Collected data:
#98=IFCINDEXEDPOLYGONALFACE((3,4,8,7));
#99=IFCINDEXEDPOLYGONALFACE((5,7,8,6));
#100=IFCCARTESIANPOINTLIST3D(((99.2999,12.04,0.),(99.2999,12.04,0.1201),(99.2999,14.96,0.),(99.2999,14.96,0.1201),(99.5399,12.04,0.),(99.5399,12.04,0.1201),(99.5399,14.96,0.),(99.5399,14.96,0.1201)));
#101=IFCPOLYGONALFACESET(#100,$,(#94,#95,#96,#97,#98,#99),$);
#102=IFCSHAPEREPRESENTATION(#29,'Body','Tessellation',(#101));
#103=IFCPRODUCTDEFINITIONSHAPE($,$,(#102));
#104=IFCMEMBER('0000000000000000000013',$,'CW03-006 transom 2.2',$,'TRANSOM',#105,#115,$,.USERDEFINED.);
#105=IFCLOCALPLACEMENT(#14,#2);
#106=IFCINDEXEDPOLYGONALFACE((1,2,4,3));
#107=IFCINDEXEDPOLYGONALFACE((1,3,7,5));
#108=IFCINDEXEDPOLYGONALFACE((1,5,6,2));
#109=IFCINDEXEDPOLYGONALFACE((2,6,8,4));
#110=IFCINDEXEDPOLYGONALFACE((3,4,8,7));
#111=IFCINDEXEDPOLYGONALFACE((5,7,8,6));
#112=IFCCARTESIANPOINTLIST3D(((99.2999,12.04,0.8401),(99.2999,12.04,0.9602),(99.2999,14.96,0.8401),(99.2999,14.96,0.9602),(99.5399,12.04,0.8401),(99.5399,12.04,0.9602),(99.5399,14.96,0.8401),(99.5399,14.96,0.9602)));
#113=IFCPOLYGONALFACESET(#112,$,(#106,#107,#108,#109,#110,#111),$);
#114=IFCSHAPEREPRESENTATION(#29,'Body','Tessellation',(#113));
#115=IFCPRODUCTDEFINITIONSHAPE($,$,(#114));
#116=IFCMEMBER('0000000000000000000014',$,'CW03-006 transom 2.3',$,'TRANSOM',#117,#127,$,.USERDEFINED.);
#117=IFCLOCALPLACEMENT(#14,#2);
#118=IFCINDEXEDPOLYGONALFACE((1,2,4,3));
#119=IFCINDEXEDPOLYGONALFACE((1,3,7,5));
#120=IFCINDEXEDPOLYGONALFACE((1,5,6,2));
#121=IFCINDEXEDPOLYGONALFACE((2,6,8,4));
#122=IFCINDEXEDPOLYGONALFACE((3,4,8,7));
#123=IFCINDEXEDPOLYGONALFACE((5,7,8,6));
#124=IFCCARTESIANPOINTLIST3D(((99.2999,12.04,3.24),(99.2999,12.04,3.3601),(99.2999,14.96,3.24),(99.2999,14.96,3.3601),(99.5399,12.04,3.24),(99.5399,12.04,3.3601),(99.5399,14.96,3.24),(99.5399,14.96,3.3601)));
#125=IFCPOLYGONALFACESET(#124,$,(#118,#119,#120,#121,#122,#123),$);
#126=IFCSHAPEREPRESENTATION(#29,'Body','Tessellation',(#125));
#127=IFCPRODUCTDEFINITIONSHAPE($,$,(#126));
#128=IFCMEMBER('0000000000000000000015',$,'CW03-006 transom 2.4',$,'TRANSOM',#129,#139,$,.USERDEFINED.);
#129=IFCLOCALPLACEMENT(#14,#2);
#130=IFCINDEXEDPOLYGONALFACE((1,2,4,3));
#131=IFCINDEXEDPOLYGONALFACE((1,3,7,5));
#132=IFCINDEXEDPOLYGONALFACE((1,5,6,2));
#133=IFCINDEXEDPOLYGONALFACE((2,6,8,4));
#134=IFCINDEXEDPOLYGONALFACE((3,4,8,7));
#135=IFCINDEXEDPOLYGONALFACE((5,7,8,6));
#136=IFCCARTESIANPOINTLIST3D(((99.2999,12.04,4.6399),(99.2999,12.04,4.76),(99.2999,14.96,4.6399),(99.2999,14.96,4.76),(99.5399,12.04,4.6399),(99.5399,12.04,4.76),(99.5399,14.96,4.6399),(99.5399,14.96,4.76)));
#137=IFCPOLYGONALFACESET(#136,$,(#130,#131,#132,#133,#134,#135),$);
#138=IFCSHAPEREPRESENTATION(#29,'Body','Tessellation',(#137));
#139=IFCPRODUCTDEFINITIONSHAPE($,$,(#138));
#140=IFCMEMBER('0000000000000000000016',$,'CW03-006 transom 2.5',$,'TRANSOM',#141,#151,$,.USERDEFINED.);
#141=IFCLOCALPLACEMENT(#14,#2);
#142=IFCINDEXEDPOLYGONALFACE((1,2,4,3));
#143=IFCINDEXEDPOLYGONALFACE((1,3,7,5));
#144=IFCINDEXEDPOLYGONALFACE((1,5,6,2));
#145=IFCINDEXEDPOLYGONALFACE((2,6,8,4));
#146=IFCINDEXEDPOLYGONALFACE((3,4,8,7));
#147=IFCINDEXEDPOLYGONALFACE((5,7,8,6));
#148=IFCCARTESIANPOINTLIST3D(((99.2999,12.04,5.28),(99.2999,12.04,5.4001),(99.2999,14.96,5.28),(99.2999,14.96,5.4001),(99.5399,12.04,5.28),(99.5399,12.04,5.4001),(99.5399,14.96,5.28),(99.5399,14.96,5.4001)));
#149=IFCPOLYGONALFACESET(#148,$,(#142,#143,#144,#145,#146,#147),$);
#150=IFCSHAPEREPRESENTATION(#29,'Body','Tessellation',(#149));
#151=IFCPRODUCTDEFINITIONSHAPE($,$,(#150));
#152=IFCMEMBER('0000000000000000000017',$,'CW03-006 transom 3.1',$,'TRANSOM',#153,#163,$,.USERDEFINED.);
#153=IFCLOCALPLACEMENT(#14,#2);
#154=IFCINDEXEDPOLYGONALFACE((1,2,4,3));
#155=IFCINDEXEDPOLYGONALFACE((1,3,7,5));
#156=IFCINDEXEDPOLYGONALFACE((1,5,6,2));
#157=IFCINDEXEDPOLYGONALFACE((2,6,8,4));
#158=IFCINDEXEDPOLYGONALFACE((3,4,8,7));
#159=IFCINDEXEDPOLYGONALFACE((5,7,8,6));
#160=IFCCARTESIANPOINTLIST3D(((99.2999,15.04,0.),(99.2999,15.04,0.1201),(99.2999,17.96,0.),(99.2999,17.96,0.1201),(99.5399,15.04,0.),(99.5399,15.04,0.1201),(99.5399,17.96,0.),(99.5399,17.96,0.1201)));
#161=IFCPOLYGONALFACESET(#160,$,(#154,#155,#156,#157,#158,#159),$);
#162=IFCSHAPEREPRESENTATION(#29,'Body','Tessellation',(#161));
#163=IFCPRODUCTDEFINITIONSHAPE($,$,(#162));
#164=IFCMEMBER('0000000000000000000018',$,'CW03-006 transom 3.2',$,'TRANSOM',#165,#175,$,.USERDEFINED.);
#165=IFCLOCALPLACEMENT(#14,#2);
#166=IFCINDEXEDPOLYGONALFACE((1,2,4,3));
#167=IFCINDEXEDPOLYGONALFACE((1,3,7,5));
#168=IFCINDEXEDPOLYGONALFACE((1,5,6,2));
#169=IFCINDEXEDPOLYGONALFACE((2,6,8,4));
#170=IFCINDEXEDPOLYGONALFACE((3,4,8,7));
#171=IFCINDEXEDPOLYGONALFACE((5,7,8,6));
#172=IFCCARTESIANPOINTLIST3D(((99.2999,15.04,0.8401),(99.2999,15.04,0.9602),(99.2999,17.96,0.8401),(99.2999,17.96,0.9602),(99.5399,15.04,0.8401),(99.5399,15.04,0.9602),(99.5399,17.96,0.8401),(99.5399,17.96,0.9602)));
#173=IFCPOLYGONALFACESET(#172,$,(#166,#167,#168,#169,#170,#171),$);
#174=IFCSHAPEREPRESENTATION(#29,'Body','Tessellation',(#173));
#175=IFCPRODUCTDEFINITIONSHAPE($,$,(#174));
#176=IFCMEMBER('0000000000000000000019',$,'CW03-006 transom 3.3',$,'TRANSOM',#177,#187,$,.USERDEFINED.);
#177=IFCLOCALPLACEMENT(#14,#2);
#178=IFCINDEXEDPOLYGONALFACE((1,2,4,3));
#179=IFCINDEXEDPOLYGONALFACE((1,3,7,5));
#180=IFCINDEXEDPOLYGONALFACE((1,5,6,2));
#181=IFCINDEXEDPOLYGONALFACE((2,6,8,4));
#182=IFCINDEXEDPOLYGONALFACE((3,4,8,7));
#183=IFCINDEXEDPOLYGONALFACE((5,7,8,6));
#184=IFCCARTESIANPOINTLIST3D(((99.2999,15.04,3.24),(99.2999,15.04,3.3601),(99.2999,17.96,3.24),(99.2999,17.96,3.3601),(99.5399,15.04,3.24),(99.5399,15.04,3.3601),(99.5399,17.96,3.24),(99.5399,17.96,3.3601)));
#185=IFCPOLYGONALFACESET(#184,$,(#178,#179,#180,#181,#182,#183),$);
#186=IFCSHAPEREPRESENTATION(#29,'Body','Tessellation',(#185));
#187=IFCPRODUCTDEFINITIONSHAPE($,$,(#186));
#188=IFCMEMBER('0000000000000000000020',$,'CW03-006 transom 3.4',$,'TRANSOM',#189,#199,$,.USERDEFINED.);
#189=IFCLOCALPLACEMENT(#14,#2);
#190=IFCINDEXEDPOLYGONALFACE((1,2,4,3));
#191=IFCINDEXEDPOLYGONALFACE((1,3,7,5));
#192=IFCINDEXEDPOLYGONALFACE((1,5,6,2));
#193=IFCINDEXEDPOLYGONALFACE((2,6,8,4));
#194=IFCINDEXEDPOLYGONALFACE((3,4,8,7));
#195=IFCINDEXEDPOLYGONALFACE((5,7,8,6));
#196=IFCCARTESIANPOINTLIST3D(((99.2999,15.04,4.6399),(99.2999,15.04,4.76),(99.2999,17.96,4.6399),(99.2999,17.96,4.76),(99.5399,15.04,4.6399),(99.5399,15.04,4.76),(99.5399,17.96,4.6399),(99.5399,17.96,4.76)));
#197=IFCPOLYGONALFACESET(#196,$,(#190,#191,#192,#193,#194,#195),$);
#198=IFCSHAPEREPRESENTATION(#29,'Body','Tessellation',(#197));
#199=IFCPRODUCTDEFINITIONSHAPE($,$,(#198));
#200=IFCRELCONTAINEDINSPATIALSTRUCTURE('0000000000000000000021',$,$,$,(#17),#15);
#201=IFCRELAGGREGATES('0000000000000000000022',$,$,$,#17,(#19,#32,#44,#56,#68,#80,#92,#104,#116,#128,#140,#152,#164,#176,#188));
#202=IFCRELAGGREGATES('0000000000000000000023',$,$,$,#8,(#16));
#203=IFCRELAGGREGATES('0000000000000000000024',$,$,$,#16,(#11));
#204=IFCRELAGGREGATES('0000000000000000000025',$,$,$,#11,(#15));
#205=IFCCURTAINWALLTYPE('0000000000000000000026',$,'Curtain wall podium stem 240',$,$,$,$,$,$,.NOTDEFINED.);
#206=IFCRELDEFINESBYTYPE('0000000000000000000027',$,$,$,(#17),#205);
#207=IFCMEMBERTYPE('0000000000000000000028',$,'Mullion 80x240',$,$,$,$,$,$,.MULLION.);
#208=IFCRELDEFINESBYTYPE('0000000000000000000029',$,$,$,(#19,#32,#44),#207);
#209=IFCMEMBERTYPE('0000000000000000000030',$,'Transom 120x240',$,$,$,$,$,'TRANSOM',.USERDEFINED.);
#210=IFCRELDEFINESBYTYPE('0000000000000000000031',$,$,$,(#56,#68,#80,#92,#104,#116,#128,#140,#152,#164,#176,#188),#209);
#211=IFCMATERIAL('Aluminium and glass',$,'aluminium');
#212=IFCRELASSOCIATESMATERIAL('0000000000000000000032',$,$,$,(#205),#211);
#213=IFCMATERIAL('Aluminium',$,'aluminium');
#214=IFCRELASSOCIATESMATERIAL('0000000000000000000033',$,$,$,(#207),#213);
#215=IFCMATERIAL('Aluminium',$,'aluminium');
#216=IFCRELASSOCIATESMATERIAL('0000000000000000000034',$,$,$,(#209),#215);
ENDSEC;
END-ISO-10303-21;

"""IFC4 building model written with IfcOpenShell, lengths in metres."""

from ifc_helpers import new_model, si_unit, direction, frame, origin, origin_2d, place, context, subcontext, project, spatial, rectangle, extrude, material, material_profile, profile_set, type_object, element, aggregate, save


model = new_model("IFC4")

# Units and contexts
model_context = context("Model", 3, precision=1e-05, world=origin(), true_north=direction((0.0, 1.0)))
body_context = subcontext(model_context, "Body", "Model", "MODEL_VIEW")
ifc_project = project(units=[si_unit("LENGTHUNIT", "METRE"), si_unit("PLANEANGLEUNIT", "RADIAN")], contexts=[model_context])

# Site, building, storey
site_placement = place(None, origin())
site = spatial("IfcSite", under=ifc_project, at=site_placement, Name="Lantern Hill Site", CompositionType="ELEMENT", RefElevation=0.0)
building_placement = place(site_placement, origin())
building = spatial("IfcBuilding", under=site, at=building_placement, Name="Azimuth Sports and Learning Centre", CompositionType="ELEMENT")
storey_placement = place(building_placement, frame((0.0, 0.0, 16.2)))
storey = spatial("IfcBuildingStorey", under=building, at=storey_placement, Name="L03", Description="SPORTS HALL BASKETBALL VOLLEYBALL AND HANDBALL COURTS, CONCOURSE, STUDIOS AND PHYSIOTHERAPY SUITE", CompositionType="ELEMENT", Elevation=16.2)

*WORK REQUEST:*
Using the data above, repeat exactly the lines that begin at the line with "#166=IFCINDEXEDPOLYGONALFACE((1,2,4,3));" and end at the line with "#193=IFCINDEXEDPOLYGONALFACE((2,6,8,4));", both ends included.

*TASK RESULT:*
#166=IFCINDEXEDPOLYGONALFACE((1,2,4,3));
#167=IFCINDEXEDPOLYGONALFACE((1,3,7,5));
#168=IFCINDEXEDPOLYGONALFACE((1,5,6,2));
#169=IFCINDEXEDPOLYGONALFACE((2,6,8,4));
#170=IFCINDEXEDPOLYGONALFACE((3,4,8,7));
#171=IFCINDEXEDPOLYGONALFACE((5,7,8,6));
#172=IFCCARTESIANPOINTLIST3D(((99.2999,15.04,0.8401),(99.2999,15.04,0.9602),(99.2999,17.96,0.8401),(99.2999,17.96,0.9602),(99.5399,15.04,0.8401),(99.5399,15.04,0.9602),(99.5399,17.96,0.8401),(99.5399,17.96,0.9602)));
#173=IFCPOLYGONALFACESET(#172,$,(#166,#167,#168,#169,#170,#171),$);
#174=IFCSHAPEREPRESENTATION(#29,'Body','Tessellation',(#173));
#175=IFCPRODUCTDEFINITIONSHAPE($,$,(#174));
#176=IFCMEMBER('0000000000000000000019',$,'CW03-006 transom 3.3',$,'TRANSOM',#177,#187,$,.USERDEFINED.);
#177=IFCLOCALPLACEMENT(#14,#2);
#178=IFCINDEXEDPOLYGONALFACE((1,2,4,3));
#179=IFCINDEXEDPOLYGONALFACE((1,3,7,5));
#180=IFCINDEXEDPOLYGONALFACE((1,5,6,2));
#181=IFCINDEXEDPOLYGONALFACE((2,6,8,4));
#182=IFCINDEXEDPOLYGONALFACE((3,4,8,7));
#183=IFCINDEXEDPOLYGONALFACE((5,7,8,6));
#184=IFCCARTESIANPOINTLIST3D(((99.2999,15.04,3.24),(99.2999,15.04,3.3601),(99.2999,17.96,3.24),(99.2999,17.96,3.3601),(99.5399,15.04,3.24),(99.5399,15.04,3.3601),(99.5399,17.96,3.24),(99.5399,17.96,3.3601)));
#185=IFCPOLYGONALFACESET(#184,$,(#178,#179,#180,#181,#182,#183),$);
#186=IFCSHAPEREPRESENTATION(#29,'Body','Tessellation',(#185));
#187=IFCPRODUCTDEFINITIONSHAPE($,$,(#186));
#188=IFCMEMBER('0000000000000000000020',$,'CW03-006 transom 3.4',$,'TRANSOM',#189,#199,$,.USERDEFINED.);
#189=IFCLOCALPLACEMENT(#14,#2);
#190=IFCINDEXEDPOLYGONALFACE((1,2,4,3));
#191=IFCINDEXEDPOLYGONALFACE((1,3,7,5));
#192=IFCINDEXEDPOLYGONALFACE((1,5,6,2));
#193=IFCINDEXEDPOLYGONALFACE((2,6,8,4));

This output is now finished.